Out of the material that follows, write out exactly the lines from the line with "#119=IFCINDEXEDPOLYGONALFACE((19,21,25,23));" to the line with "#123=IFCINDEXEDPOLYGONALFACE((27,29,33,31));", both ends included, and no others.

::::

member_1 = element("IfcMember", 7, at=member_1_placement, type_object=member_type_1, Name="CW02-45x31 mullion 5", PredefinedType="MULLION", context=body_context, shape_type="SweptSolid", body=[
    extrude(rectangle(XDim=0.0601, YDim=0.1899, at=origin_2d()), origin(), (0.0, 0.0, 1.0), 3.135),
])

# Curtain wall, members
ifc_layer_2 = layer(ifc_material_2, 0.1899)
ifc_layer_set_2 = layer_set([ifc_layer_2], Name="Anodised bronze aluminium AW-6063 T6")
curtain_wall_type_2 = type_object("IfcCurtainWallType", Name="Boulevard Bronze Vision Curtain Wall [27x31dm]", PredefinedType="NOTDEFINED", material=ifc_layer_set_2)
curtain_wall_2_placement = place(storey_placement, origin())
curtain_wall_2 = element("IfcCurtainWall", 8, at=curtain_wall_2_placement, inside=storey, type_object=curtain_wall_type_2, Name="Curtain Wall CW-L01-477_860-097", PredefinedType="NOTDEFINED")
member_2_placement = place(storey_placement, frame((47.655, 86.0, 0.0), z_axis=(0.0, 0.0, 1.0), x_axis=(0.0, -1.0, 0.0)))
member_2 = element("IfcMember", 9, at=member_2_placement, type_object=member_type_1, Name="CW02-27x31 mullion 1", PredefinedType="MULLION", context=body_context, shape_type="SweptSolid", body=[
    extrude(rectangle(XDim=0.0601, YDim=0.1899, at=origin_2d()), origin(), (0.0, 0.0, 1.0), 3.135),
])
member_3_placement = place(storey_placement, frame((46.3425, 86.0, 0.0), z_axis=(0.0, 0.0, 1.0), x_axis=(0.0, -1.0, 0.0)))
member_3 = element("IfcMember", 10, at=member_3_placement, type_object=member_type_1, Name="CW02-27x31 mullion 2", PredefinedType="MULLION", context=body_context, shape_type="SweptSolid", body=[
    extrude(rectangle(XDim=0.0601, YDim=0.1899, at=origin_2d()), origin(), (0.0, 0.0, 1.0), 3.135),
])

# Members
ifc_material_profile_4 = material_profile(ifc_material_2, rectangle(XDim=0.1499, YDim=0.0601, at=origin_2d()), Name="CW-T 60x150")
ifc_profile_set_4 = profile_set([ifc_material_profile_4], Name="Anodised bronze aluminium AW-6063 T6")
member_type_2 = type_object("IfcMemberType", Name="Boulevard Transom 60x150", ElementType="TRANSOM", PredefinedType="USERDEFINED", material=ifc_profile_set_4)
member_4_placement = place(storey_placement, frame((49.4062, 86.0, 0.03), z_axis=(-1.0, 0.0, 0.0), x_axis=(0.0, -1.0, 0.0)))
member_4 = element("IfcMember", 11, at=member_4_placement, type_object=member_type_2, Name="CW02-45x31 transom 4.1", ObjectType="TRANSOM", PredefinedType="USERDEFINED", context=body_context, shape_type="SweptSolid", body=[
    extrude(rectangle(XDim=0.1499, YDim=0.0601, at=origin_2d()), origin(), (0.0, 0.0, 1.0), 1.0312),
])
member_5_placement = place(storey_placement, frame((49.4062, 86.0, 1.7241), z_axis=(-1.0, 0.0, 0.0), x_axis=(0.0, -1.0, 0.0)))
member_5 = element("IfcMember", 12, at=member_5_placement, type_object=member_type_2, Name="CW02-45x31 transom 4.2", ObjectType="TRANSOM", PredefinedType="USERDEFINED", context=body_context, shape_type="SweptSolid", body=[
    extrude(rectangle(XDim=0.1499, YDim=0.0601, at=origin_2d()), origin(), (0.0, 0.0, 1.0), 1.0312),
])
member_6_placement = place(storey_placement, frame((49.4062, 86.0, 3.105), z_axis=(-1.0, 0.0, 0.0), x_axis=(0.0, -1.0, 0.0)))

::::

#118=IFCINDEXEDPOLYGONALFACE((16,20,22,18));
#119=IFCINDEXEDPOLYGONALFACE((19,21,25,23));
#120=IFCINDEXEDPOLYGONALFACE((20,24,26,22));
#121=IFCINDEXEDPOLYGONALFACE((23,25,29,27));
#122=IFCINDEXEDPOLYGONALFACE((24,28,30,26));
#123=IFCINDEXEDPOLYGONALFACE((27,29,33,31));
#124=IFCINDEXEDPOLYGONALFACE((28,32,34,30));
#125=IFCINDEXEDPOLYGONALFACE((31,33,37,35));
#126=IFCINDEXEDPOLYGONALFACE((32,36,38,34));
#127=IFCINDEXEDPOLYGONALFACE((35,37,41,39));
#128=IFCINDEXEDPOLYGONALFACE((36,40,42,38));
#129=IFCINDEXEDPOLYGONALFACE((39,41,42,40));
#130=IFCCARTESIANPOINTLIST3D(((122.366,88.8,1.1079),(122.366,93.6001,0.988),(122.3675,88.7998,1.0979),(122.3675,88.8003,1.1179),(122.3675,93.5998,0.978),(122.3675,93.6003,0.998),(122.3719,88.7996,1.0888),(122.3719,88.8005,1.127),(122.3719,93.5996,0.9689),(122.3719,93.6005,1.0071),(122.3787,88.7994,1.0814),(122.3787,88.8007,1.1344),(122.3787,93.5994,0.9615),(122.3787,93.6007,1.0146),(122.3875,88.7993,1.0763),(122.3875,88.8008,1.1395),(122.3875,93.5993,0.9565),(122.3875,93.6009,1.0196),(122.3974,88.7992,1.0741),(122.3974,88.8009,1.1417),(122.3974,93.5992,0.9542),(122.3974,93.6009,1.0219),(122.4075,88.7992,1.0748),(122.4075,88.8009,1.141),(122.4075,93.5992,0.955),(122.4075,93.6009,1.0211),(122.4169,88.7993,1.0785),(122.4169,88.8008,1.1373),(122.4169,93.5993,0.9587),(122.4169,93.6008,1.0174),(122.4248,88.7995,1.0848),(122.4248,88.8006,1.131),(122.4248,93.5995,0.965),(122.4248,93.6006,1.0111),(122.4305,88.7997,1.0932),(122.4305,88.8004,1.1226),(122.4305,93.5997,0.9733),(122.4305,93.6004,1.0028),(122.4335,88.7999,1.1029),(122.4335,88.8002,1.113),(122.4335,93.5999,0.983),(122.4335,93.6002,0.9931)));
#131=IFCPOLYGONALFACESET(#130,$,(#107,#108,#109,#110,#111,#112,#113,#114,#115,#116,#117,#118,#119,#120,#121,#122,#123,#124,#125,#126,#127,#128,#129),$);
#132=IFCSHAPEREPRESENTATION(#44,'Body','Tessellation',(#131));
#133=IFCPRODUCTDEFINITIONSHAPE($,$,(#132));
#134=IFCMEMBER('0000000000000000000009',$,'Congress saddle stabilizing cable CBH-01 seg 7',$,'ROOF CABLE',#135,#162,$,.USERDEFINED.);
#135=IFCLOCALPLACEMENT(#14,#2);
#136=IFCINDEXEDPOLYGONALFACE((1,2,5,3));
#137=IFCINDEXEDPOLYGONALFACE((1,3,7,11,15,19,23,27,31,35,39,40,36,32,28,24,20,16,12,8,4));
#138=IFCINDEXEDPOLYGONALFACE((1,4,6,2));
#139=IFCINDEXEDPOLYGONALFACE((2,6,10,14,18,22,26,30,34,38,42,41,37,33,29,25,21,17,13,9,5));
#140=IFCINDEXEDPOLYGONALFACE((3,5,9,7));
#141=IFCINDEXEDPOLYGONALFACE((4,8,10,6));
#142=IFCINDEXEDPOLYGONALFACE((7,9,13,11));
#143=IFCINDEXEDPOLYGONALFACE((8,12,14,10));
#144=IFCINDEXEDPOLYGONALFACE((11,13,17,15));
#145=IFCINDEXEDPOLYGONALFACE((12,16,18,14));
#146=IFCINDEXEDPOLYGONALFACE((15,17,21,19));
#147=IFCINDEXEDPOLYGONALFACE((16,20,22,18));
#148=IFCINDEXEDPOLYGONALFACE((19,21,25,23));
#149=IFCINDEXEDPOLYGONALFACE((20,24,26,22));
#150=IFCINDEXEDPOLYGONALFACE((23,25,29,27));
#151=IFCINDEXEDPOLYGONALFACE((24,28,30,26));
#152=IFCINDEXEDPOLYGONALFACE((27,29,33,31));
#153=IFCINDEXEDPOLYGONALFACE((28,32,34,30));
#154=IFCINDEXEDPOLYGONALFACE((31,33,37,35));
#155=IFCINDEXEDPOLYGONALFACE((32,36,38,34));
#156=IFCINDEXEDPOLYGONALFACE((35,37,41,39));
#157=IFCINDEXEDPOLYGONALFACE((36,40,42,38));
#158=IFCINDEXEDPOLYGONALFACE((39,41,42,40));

::::

— Answer to this exercise —
#119=IFCINDEXEDPOLYGONALFACE((19,21,25,23));
#120=IFCINDEXEDPOLYGONALFACE((20,24,26,22));
#121=IFCINDEXEDPOLYGONALFACE((23,25,29,27));
#122=IFCINDEXEDPOLYGONALFACE((24,28,30,26));
#123=IFCINDEXEDPOLYGONALFACE((27,29,33,31));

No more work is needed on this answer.